- [What needs to be done]: Quote verbatim the span of lines that begins the listing below and closes with the line containing "#71=IFCPRODUCTDEFINITIONSHAPE($,$,(#70));".

- [Data section]:
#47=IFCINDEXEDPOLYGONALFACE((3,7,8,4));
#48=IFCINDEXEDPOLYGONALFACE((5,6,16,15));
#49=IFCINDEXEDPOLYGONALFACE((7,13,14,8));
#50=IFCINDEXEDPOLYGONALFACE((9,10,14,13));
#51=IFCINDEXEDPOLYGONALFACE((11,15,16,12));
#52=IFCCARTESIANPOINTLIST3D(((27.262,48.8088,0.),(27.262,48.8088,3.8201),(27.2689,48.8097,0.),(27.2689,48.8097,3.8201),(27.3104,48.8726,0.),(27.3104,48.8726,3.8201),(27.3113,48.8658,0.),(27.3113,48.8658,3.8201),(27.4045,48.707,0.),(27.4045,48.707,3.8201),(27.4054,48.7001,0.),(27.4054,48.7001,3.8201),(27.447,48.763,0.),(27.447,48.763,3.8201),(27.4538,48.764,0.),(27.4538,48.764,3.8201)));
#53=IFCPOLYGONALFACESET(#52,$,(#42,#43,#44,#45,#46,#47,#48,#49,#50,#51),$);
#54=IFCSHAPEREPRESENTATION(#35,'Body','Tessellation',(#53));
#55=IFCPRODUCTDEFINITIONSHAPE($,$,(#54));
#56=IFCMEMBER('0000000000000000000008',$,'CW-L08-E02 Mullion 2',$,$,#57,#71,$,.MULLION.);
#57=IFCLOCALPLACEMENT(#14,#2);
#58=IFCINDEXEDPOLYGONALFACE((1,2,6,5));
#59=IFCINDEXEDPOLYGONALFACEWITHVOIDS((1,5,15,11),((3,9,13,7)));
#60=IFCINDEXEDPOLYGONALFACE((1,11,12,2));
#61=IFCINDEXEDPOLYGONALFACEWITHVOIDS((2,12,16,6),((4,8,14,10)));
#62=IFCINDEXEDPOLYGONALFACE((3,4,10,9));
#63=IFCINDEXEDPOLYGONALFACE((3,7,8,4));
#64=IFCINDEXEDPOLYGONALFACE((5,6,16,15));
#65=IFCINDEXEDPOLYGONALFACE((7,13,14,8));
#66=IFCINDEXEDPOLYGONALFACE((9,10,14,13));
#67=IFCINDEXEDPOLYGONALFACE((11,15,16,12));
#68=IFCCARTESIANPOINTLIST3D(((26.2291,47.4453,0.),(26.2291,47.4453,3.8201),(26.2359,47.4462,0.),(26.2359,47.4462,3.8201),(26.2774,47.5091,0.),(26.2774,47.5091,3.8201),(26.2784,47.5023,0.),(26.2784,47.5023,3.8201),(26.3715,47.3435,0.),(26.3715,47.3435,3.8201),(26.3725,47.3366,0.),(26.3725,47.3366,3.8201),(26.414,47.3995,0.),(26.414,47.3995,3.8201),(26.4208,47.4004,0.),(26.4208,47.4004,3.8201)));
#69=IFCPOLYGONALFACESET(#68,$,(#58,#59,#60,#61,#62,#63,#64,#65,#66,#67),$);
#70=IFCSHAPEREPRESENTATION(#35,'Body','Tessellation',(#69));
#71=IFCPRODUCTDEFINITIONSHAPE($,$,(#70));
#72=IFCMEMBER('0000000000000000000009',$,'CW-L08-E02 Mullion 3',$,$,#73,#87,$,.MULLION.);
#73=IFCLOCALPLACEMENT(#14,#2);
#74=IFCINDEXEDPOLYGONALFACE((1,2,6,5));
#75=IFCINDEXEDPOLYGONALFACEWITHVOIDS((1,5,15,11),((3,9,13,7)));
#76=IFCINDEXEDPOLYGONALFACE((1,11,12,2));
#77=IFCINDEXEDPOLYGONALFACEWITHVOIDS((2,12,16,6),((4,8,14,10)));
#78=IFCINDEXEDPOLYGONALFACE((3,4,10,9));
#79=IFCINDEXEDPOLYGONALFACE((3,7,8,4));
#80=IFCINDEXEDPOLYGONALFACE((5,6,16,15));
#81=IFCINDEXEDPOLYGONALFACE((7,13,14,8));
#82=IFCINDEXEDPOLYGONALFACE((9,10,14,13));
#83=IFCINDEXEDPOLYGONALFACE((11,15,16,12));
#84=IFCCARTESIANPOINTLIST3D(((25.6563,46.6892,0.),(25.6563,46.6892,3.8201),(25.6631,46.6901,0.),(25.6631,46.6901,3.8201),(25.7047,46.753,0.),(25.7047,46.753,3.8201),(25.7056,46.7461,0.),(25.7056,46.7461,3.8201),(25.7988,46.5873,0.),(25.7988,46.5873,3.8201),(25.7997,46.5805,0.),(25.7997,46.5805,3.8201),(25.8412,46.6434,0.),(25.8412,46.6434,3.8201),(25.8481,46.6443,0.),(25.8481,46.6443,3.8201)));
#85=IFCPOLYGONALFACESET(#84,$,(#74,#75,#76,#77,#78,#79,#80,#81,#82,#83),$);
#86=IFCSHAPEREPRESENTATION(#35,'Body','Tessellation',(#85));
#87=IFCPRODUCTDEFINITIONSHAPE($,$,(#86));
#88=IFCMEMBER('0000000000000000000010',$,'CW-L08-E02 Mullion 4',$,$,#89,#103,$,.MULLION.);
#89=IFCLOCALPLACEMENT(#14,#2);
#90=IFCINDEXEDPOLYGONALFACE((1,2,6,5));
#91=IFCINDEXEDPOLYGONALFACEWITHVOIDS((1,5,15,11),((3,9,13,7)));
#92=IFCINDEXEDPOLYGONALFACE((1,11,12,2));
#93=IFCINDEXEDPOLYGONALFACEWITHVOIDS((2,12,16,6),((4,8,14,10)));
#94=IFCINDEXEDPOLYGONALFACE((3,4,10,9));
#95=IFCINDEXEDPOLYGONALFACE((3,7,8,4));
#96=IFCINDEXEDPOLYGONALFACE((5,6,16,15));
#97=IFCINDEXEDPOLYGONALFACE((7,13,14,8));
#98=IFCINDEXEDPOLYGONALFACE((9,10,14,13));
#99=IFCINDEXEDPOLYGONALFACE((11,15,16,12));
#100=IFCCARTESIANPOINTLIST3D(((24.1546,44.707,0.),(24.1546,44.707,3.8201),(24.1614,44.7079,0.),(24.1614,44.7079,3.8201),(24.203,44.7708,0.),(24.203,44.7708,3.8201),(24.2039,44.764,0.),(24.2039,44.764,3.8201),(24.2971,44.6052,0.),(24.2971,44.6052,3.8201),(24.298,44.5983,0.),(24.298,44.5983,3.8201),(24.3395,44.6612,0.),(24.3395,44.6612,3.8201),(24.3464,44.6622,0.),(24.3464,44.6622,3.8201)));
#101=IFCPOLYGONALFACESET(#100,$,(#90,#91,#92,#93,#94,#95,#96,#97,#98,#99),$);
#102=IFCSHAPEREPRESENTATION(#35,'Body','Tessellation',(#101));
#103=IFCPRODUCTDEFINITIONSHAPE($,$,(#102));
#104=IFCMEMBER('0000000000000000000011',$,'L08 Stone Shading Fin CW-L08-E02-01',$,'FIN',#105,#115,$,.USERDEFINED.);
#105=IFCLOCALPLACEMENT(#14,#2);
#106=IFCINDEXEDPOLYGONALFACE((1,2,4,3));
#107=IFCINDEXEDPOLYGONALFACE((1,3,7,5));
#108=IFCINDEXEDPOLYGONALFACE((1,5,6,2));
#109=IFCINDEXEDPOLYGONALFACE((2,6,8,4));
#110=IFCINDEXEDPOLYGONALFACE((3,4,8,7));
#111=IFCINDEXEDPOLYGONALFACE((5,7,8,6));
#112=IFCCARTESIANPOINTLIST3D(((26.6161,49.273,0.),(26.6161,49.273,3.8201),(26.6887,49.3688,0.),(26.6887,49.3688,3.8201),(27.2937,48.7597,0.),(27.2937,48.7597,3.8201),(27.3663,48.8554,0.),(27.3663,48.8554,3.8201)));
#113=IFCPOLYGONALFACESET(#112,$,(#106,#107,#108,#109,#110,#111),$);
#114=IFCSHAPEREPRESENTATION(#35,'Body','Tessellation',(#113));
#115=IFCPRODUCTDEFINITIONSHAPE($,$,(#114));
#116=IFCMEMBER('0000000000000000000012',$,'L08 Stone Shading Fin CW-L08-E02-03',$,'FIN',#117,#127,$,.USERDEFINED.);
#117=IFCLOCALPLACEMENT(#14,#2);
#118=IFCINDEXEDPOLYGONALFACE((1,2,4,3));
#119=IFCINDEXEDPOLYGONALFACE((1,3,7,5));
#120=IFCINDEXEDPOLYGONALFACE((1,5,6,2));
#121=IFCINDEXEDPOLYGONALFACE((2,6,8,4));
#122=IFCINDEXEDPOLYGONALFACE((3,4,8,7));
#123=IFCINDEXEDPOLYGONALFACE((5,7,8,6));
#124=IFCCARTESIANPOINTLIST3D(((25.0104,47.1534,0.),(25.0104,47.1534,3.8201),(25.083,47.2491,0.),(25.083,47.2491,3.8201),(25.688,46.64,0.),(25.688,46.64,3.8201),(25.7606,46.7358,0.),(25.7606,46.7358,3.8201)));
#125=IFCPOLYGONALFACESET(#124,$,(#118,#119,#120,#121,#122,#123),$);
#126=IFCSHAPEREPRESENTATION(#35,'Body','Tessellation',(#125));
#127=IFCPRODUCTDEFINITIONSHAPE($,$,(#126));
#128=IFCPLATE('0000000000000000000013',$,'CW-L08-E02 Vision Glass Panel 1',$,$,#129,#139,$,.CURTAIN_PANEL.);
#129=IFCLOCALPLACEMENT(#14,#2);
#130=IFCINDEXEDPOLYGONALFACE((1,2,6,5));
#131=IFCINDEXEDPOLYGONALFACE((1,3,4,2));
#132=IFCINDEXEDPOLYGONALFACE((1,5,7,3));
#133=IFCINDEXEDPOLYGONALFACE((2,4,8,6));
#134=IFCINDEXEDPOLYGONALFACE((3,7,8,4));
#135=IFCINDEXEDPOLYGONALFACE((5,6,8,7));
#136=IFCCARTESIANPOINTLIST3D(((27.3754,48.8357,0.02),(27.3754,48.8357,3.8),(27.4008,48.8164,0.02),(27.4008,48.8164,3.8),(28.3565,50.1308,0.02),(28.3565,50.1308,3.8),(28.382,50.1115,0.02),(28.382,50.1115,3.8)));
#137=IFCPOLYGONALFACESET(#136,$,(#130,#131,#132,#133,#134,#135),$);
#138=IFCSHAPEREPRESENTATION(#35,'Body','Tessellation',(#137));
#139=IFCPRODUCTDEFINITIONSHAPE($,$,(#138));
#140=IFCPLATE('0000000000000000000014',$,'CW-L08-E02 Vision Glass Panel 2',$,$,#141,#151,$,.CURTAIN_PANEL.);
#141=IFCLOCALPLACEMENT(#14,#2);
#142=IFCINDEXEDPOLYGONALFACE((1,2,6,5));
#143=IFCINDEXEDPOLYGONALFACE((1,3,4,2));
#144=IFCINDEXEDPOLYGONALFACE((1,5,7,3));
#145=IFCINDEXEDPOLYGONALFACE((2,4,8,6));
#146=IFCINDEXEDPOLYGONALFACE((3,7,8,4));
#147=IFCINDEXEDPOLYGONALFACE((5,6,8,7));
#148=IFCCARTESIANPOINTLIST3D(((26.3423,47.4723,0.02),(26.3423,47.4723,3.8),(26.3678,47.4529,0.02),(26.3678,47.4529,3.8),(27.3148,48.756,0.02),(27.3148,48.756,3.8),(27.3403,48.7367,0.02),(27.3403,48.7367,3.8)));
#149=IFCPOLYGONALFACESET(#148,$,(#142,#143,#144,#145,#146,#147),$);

- [Reply to the exercise]:
#47=IFCINDEXEDPOLYGONALFACE((3,7,8,4));
#48=IFCINDEXEDPOLYGONALFACE((5,6,16,15));
#49=IFCINDEXEDPOLYGONALFACE((7,13,14,8));
#50=IFCINDEXEDPOLYGONALFACE((9,10,14,13));
#51=IFCINDEXEDPOLYGONALFACE((11,15,16,12));
#52=IFCCARTESIANPOINTLIST3D(((27.262,48.8088,0.),(27.262,48.8088,3.8201),(27.2689,48.8097,0.),(27.2689,48.8097,3.8201),(27.3104,48.8726,0.),(27.3104,48.8726,3.8201),(27.3113,48.8658,0.),(27.3113,48.8658,3.8201),(27.4045,48.707,0.),(27.4045,48.707,3.8201),(27.4054,48.7001,0.),(27.4054,48.7001,3.8201),(27.447,48.763,0.),(27.447,48.763,3.8201),(27.4538,48.764,0.),(27.4538,48.764,3.8201)));
#53=IFCPOLYGONALFACESET(#52,$,(#42,#43,#44,#45,#46,#47,#48,#49,#50,#51),$);
#54=IFCSHAPEREPRESENTATION(#35,'Body','Tessellation',(#53));
#55=IFCPRODUCTDEFINITIONSHAPE($,$,(#54));
#56=IFCMEMBER('0000000000000000000008',$,'CW-L08-E02 Mullion 2',$,$,#57,#71,$,.MULLION.);
#57=IFCLOCALPLACEMENT(#14,#2);
#58=IFCINDEXEDPOLYGONALFACE((1,2,6,5));
#59=IFCINDEXEDPOLYGONALFACEWITHVOIDS((1,5,15,11),((3,9,13,7)));
#60=IFCINDEXEDPOLYGONALFACE((1,11,12,2));
#61=IFCINDEXEDPOLYGONALFACEWITHVOIDS((2,12,16,6),((4,8,14,10)));
#62=IFCINDEXEDPOLYGONALFACE((3,4,10,9));
#63=IFCINDEXEDPOLYGONALFACE((3,7,8,4));
#64=IFCINDEXEDPOLYGONALFACE((5,6,16,15));
#65=IFCINDEXEDPOLYGONALFACE((7,13,14,8));
#66=IFCINDEXEDPOLYGONALFACE((9,10,14,13));
#67=IFCINDEXEDPOLYGONALFACE((11,15,16,12));
#68=IFCCARTESIANPOINTLIST3D(((26.2291,47.4453,0.),(26.2291,47.4453,3.8201),(26.2359,47.4462,0.),(26.2359,47.4462,3.8201),(26.2774,47.5091,0.),(26.2774,47.5091,3.8201),(26.2784,47.5023,0.),(26.2784,47.5023,3.8201),(26.3715,47.3435,0.),(26.3715,47.3435,3.8201),(26.3725,47.3366,0.),(26.3725,47.3366,3.8201),(26.414,47.3995,0.),(26.414,47.3995,3.8201),(26.4208,47.4004,0.),(26.4208,47.4004,3.8201)));
#69=IFCPOLYGONALFACESET(#68,$,(#58,#59,#60,#61,#62,#63,#64,#65,#66,#67),$);
#70=IFCSHAPEREPRESENTATION(#35,'Body','Tessellation',(#69));
#71=IFCPRODUCTDEFINITIONSHAPE($,$,(#70));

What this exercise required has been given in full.